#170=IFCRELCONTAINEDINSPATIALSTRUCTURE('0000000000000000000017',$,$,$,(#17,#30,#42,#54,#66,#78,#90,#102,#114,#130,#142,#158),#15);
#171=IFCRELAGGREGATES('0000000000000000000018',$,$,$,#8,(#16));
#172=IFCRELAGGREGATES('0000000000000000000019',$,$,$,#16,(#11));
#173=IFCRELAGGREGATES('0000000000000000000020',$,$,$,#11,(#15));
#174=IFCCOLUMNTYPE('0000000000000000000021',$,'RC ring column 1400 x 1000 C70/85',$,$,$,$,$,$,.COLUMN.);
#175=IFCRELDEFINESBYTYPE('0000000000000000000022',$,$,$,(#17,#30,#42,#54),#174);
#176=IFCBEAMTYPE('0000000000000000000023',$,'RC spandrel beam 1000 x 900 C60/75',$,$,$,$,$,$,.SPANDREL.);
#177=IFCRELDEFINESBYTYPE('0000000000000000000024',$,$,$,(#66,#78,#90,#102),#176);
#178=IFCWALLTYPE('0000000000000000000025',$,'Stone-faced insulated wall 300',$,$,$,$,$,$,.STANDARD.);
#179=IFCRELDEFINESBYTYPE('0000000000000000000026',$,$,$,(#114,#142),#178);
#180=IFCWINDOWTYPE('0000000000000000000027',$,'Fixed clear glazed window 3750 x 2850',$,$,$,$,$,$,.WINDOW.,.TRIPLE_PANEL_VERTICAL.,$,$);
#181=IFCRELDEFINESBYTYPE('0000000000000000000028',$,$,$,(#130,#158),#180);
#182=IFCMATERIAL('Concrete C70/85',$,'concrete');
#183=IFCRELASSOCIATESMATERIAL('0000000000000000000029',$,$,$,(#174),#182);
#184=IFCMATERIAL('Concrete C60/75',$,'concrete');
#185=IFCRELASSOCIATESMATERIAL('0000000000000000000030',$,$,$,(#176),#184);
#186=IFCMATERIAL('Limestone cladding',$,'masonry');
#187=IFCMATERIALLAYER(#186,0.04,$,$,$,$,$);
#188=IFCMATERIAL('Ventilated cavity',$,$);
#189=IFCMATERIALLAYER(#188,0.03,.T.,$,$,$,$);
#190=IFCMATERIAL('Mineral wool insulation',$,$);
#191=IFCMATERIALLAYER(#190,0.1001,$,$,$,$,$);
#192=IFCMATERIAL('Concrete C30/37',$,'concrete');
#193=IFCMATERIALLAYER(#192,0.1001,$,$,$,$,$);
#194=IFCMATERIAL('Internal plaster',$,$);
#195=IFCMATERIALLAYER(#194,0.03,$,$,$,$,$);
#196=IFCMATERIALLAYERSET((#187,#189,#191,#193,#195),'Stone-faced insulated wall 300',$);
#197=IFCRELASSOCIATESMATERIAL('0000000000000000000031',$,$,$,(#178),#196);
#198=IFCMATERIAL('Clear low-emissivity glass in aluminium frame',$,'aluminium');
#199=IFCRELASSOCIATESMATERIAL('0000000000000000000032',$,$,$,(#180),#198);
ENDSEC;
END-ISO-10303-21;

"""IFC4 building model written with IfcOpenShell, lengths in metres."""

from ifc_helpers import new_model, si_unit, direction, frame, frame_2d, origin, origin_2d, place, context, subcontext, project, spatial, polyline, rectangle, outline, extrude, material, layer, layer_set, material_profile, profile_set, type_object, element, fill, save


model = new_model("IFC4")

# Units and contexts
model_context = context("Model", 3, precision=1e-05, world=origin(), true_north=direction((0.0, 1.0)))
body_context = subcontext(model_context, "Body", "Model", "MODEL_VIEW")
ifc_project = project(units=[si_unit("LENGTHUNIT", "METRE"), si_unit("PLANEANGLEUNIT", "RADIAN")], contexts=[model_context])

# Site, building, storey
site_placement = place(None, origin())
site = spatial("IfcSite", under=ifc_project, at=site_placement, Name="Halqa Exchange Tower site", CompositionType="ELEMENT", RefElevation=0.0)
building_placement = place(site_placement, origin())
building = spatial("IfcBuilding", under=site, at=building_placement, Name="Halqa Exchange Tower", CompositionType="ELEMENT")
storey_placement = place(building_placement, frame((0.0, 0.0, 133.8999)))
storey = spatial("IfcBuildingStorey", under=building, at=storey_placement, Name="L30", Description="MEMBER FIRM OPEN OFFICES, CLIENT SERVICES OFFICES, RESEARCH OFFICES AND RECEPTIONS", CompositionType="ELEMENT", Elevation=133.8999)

========================================

◆ **Task instructions**
Transcribe only the lines from the beginning of the entries to the line with "#172=IFCRELAGGREGATES('0000000000000000000019',$,$,$,#16,(#11));", inclusive, exactly as written.

◆ **Answer section**
#170=IFCRELCONTAINEDINSPATIALSTRUCTURE('0000000000000000000017',$,$,$,(#17,#30,#42,#54,#66,#78,#90,#102,#114,#130,#142,#158),#15);
#171=IFCRELAGGREGATES('0000000000000000000018',$,$,$,#8,(#16));
#172=IFCRELAGGREGATES('0000000000000000000019',$,$,$,#16,(#11));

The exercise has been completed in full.